#### [Goal of the exercise]
What lines below include the word "IFCRELAGGREGATES"? Copy each one.

^^^^

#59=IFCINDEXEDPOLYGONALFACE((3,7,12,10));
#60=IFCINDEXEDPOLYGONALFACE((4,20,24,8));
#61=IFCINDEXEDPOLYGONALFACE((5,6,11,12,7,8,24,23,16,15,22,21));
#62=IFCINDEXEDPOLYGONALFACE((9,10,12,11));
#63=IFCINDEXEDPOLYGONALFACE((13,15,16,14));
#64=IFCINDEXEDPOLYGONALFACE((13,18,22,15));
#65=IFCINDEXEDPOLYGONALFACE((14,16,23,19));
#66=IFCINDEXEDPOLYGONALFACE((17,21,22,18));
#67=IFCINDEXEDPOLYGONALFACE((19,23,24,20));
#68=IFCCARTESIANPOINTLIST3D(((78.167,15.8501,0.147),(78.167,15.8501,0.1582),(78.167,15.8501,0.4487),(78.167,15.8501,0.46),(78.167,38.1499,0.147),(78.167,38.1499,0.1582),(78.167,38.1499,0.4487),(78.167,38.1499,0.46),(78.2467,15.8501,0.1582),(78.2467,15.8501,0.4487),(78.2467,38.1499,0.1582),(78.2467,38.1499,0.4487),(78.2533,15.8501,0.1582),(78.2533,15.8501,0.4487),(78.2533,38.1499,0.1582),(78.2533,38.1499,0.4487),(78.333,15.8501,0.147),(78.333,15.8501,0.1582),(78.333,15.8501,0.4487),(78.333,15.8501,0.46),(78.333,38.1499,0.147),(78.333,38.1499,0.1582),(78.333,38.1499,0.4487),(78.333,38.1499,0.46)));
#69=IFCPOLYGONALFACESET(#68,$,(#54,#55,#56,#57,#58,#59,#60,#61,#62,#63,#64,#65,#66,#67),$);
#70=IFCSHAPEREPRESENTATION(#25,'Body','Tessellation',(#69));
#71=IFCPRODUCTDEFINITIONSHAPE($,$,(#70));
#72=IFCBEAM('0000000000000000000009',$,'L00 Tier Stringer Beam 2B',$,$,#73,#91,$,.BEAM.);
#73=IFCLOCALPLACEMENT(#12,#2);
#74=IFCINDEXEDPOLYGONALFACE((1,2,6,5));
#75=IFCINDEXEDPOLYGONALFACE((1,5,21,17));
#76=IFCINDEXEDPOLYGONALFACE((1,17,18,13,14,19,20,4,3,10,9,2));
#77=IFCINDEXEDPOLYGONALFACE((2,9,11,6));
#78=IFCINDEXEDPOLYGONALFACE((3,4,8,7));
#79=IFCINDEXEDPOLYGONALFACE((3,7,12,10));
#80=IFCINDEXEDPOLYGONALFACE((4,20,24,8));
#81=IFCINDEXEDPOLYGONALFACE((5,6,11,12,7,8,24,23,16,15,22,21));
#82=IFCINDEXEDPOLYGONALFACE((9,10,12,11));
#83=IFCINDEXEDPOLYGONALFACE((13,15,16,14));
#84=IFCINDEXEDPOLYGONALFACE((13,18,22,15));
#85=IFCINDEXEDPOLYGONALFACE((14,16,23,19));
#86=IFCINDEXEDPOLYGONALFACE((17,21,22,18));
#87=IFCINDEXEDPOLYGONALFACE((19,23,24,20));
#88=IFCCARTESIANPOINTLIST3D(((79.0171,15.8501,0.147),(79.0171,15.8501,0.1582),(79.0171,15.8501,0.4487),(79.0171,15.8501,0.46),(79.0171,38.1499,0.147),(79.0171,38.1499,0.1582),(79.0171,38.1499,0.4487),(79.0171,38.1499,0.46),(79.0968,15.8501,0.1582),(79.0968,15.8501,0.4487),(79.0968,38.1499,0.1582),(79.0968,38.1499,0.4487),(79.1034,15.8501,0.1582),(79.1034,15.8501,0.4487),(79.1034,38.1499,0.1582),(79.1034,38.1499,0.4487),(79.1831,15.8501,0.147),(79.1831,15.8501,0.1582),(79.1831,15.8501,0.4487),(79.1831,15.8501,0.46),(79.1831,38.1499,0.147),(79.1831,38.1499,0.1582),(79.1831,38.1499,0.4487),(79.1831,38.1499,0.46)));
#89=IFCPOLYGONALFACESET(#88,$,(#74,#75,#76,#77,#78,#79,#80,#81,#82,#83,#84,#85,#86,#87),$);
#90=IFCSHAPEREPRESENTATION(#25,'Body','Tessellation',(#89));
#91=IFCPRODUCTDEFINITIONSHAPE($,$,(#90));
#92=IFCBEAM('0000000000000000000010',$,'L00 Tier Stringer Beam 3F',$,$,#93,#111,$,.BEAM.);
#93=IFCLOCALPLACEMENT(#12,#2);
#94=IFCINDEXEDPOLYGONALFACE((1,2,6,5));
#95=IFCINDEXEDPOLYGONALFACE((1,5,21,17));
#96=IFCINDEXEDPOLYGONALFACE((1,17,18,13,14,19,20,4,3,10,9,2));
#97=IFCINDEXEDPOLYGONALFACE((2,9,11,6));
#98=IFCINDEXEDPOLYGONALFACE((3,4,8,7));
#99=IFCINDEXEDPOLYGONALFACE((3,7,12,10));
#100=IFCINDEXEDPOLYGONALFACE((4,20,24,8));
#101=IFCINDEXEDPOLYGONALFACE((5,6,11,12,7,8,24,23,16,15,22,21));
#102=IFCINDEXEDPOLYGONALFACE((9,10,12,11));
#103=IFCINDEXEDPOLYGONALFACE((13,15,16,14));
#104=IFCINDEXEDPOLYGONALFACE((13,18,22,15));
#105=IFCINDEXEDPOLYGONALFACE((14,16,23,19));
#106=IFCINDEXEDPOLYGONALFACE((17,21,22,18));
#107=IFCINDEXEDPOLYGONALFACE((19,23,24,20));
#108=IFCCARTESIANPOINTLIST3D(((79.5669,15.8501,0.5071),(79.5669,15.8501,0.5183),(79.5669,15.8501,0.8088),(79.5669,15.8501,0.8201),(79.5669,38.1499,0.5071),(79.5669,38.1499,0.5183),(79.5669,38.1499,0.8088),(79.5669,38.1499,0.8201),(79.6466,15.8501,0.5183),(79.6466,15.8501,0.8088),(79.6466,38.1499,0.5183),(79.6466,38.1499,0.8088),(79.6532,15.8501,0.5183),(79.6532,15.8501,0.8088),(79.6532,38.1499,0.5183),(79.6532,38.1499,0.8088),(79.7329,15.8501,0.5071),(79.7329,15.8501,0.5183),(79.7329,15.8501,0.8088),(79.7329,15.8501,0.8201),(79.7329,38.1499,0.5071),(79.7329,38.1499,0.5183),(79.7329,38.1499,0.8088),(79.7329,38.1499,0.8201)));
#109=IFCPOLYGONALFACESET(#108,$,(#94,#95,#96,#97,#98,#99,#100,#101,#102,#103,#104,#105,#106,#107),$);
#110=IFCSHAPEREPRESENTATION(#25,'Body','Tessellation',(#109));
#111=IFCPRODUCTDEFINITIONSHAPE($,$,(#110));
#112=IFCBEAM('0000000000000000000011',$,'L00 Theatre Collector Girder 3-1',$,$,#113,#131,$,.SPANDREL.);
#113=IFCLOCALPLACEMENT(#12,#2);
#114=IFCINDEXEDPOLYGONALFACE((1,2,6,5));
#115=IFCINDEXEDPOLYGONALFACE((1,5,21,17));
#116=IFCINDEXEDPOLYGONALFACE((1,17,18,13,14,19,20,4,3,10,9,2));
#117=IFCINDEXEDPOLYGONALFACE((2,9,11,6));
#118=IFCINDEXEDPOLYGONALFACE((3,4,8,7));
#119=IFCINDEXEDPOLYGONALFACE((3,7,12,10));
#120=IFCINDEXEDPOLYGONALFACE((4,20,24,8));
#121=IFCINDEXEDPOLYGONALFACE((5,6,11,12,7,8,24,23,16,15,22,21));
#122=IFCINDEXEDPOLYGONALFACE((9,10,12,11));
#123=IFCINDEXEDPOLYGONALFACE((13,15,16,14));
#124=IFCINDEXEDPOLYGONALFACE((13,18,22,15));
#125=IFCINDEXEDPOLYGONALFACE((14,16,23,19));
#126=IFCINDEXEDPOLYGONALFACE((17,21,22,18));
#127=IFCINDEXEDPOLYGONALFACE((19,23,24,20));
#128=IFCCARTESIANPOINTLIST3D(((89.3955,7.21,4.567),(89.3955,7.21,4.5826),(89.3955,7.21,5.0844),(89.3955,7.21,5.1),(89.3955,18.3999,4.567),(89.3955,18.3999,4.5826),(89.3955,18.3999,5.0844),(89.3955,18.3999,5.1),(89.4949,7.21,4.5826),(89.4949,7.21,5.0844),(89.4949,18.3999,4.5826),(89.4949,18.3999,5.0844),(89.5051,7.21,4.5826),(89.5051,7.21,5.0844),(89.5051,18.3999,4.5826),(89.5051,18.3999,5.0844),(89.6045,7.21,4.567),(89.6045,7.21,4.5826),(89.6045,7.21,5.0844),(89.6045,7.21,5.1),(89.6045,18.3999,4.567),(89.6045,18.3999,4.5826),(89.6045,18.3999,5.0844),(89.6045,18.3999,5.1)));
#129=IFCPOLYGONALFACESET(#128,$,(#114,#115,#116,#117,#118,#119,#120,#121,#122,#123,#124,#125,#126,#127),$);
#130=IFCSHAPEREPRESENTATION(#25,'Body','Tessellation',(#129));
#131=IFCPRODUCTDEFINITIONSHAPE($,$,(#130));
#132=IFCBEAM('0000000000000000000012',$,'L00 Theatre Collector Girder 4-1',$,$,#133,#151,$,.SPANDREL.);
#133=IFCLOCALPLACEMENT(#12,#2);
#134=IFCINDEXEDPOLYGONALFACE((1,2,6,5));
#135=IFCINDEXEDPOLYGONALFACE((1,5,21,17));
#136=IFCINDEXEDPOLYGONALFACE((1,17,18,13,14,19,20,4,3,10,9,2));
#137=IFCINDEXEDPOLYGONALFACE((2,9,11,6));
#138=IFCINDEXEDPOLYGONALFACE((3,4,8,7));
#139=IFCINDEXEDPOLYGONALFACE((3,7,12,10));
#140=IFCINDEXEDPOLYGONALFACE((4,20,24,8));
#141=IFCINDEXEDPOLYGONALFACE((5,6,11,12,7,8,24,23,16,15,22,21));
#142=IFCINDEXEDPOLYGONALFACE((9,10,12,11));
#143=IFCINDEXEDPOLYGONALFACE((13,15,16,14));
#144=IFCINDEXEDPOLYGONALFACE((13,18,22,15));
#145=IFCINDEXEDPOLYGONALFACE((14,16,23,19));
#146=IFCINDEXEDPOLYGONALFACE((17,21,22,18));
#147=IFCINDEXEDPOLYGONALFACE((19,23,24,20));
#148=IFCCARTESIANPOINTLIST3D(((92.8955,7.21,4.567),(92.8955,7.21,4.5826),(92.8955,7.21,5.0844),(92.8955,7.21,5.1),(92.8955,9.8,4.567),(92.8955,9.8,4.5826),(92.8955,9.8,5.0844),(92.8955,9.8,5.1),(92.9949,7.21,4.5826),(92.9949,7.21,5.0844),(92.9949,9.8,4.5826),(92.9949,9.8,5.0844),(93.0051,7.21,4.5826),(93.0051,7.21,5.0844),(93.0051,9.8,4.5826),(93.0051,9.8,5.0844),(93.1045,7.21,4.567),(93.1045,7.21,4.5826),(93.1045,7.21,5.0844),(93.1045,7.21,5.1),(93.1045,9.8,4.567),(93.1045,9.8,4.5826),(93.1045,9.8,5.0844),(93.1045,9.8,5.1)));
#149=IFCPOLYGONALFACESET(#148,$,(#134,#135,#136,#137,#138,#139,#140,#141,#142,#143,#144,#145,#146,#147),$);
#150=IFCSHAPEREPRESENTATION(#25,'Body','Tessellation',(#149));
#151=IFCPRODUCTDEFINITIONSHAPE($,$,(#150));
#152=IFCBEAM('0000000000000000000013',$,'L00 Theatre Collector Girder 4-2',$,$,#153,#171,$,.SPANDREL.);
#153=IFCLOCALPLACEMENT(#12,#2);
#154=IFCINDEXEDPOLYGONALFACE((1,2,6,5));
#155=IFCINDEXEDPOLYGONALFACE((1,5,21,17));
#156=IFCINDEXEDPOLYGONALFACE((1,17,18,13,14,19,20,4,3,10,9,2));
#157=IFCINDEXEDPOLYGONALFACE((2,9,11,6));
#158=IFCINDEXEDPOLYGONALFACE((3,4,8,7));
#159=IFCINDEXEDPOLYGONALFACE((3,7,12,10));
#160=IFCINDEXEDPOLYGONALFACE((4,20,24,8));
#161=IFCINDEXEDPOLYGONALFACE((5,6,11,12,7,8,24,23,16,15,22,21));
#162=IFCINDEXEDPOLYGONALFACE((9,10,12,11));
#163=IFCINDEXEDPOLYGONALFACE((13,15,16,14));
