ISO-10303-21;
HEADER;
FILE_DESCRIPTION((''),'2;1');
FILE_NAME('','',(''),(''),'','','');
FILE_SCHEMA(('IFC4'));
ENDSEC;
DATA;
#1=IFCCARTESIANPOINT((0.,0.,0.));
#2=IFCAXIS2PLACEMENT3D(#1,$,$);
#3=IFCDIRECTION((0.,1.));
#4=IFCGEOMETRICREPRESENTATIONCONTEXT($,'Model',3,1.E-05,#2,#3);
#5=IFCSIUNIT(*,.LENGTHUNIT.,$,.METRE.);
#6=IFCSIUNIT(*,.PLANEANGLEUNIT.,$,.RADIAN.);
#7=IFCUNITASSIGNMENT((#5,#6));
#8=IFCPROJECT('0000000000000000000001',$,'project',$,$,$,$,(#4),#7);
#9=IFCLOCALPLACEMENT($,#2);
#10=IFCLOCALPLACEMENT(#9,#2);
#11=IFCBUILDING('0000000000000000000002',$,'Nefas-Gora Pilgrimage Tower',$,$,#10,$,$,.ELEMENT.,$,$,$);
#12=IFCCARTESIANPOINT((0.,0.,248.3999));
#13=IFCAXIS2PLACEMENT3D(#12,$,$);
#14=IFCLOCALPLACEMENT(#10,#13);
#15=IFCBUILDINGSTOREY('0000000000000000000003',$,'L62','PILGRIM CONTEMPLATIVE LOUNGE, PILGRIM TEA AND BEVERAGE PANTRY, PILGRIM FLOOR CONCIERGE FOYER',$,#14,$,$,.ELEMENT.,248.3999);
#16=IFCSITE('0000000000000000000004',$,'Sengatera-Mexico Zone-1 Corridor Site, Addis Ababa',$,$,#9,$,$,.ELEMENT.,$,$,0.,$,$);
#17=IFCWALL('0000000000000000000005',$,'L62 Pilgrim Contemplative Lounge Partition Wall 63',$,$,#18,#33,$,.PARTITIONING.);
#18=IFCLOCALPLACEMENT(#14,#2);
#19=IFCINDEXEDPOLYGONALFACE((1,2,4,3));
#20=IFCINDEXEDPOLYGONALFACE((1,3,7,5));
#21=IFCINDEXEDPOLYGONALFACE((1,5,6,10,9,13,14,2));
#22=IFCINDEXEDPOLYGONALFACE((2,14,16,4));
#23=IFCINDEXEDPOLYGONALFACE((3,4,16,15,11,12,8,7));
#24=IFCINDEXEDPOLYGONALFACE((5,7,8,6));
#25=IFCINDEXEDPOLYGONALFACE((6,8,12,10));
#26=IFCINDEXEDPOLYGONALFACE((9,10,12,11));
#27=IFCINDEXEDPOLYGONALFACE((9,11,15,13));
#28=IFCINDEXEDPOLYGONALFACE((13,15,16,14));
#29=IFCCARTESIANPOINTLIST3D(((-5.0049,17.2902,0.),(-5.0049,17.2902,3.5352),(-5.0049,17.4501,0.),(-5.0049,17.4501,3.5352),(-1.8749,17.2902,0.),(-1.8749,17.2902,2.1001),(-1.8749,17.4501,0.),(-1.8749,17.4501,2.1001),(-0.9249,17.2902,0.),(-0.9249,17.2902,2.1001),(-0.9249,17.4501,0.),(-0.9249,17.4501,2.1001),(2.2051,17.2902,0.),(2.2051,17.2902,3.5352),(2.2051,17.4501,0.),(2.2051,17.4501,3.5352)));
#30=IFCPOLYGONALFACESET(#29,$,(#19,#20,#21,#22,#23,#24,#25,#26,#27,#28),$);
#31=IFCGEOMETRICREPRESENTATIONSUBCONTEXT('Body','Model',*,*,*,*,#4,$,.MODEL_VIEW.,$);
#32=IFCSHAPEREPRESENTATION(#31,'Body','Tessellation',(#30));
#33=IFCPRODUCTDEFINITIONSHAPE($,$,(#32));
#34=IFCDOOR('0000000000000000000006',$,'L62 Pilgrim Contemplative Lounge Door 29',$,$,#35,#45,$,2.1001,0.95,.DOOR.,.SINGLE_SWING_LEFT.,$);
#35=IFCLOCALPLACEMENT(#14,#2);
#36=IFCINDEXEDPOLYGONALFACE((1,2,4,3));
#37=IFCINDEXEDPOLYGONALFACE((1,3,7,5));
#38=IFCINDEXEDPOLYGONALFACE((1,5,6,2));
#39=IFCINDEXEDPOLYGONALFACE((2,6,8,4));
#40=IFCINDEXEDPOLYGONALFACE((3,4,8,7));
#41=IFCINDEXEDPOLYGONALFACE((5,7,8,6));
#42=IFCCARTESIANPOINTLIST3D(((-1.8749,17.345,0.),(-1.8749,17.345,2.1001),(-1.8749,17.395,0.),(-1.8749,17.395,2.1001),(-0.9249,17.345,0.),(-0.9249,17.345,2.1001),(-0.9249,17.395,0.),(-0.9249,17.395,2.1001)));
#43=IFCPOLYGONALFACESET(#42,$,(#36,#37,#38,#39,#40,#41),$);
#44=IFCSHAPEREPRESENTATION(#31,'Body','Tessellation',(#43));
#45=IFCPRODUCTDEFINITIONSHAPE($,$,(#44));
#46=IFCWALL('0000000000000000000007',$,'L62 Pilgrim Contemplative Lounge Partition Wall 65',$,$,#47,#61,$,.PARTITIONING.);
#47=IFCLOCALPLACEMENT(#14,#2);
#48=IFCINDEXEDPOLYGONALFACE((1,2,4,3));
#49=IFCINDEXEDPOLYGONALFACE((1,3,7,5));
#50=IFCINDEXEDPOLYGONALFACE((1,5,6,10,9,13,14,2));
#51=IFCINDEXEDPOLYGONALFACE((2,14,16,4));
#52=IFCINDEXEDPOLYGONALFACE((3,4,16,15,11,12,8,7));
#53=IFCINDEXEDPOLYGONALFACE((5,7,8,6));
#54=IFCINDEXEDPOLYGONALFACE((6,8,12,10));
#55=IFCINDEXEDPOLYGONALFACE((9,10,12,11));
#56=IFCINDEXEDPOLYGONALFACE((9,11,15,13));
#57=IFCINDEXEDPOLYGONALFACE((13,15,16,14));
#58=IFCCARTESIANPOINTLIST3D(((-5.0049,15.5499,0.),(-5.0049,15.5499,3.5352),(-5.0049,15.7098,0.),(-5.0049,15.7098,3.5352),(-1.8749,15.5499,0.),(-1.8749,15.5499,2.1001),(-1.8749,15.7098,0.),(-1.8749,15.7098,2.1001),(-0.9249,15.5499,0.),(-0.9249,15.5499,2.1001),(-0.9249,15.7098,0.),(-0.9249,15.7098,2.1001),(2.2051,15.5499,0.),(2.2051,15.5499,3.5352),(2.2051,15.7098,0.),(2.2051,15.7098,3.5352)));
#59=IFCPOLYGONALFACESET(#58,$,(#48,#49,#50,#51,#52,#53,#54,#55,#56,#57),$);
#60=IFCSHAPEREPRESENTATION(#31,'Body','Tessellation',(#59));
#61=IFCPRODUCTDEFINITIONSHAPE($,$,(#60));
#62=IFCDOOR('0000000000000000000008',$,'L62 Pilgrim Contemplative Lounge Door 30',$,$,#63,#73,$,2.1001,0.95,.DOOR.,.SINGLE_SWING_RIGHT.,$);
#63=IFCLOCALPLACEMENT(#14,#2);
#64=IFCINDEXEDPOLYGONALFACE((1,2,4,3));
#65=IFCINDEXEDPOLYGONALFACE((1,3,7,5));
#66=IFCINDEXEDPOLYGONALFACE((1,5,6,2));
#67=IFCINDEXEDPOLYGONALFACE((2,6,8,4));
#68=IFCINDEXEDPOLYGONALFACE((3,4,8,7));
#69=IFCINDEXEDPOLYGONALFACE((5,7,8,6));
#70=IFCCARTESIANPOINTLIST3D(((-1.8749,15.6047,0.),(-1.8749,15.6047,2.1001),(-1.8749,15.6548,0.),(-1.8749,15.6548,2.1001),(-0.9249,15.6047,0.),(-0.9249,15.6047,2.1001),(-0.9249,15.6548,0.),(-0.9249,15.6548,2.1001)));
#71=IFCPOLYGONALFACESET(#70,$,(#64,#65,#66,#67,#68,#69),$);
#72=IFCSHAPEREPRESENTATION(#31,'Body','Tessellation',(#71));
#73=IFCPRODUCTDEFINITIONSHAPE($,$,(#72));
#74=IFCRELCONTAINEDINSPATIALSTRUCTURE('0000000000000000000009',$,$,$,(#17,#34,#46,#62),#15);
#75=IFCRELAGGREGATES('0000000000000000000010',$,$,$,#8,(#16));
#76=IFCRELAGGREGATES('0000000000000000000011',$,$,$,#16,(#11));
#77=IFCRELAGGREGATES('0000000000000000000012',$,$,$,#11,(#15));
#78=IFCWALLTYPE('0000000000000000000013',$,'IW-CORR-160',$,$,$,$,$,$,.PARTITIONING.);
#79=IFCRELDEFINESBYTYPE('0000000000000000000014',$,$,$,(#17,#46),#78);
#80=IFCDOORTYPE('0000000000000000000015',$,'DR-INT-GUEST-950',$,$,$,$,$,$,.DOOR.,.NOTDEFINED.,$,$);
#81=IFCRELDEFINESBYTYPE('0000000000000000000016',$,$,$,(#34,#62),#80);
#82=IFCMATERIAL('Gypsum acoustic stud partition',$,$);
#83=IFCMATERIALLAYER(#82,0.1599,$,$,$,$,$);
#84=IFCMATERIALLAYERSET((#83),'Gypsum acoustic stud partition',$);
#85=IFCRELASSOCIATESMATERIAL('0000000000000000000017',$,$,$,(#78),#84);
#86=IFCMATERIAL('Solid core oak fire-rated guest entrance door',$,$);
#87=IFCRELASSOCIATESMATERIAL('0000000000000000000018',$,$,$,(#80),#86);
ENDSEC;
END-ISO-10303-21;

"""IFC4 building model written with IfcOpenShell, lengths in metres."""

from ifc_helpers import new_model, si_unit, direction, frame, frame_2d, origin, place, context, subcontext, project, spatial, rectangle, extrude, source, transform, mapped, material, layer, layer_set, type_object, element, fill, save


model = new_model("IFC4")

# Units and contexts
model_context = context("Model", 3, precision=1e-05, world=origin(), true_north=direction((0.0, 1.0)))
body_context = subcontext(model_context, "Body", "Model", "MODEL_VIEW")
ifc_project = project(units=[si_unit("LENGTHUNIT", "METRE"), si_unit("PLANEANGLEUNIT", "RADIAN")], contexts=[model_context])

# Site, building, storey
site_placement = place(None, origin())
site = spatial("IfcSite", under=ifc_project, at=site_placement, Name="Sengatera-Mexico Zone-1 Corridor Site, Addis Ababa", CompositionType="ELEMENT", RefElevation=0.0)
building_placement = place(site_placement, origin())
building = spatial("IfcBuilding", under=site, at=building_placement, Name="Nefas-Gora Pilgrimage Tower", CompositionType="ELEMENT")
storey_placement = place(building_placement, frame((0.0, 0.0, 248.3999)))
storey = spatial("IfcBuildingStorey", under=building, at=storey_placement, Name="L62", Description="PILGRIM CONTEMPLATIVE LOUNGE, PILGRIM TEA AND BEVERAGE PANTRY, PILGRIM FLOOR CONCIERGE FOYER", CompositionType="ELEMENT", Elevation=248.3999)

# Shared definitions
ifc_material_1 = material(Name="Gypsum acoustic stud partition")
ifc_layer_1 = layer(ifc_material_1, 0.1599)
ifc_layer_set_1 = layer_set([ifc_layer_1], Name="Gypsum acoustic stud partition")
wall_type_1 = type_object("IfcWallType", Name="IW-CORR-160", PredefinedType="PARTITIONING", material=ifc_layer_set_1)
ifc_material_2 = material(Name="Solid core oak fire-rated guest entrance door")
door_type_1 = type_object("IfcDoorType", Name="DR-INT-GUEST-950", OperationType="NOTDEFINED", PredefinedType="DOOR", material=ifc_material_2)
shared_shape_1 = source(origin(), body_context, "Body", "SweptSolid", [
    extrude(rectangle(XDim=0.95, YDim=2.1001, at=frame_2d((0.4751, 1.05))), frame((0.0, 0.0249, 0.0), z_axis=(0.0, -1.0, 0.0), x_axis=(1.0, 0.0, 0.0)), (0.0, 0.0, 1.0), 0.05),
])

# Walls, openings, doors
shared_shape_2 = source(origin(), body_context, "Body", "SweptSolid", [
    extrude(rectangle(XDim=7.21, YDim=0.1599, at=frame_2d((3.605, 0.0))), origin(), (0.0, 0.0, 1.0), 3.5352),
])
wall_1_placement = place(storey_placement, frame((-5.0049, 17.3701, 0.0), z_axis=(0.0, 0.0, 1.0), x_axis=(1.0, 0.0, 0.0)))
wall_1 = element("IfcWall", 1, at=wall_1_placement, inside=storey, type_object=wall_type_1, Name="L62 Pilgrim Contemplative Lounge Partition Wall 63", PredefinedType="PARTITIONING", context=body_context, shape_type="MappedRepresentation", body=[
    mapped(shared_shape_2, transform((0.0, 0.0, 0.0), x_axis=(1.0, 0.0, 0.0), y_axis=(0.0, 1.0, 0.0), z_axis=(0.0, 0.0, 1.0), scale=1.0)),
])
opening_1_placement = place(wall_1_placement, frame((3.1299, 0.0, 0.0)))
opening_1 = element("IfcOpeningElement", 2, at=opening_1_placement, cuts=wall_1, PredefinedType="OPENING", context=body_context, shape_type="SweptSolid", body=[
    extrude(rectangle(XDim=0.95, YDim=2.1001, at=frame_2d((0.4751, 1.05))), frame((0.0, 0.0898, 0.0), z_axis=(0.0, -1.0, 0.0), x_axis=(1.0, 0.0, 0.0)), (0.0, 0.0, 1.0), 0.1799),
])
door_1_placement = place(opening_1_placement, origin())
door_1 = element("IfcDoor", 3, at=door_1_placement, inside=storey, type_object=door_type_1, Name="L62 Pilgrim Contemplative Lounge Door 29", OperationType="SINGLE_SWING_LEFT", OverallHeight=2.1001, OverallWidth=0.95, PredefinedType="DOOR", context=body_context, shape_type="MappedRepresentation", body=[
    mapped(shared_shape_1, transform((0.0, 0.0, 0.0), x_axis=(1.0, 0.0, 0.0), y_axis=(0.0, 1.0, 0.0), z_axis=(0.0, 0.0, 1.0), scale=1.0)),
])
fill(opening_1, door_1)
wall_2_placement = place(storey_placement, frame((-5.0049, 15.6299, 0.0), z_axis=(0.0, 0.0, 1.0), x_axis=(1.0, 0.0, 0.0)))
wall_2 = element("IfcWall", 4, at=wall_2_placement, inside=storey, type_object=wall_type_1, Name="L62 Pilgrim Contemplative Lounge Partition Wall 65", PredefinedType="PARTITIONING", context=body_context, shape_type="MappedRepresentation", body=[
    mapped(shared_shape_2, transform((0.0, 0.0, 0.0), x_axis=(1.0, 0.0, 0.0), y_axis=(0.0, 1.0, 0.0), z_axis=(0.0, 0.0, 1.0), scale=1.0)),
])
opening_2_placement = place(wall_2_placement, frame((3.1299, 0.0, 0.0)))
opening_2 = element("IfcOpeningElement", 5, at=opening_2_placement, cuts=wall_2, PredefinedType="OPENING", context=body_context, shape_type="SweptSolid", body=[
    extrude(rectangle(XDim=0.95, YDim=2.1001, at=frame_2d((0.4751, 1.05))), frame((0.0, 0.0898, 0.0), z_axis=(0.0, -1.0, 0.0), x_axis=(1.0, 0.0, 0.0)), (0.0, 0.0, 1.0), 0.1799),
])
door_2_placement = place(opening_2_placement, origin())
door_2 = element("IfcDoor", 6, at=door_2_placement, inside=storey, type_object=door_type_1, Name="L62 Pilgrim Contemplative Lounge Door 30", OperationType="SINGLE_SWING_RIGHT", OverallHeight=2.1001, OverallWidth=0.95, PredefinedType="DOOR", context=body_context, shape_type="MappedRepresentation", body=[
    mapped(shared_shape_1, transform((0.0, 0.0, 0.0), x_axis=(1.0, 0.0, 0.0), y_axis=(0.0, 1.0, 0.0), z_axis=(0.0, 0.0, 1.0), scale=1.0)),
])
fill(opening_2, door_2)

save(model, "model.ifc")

^^^^

#### [Answer for the task]
#75=IFCRELAGGREGATES('0000000000000000000010',$,$,$,#8,(#16));
#76=IFCRELAGGREGATES('0000000000000000000011',$,$,$,#16,(#11));
#77=IFCRELAGGREGATES('0000000000000000000012',$,$,$,#11,(#15));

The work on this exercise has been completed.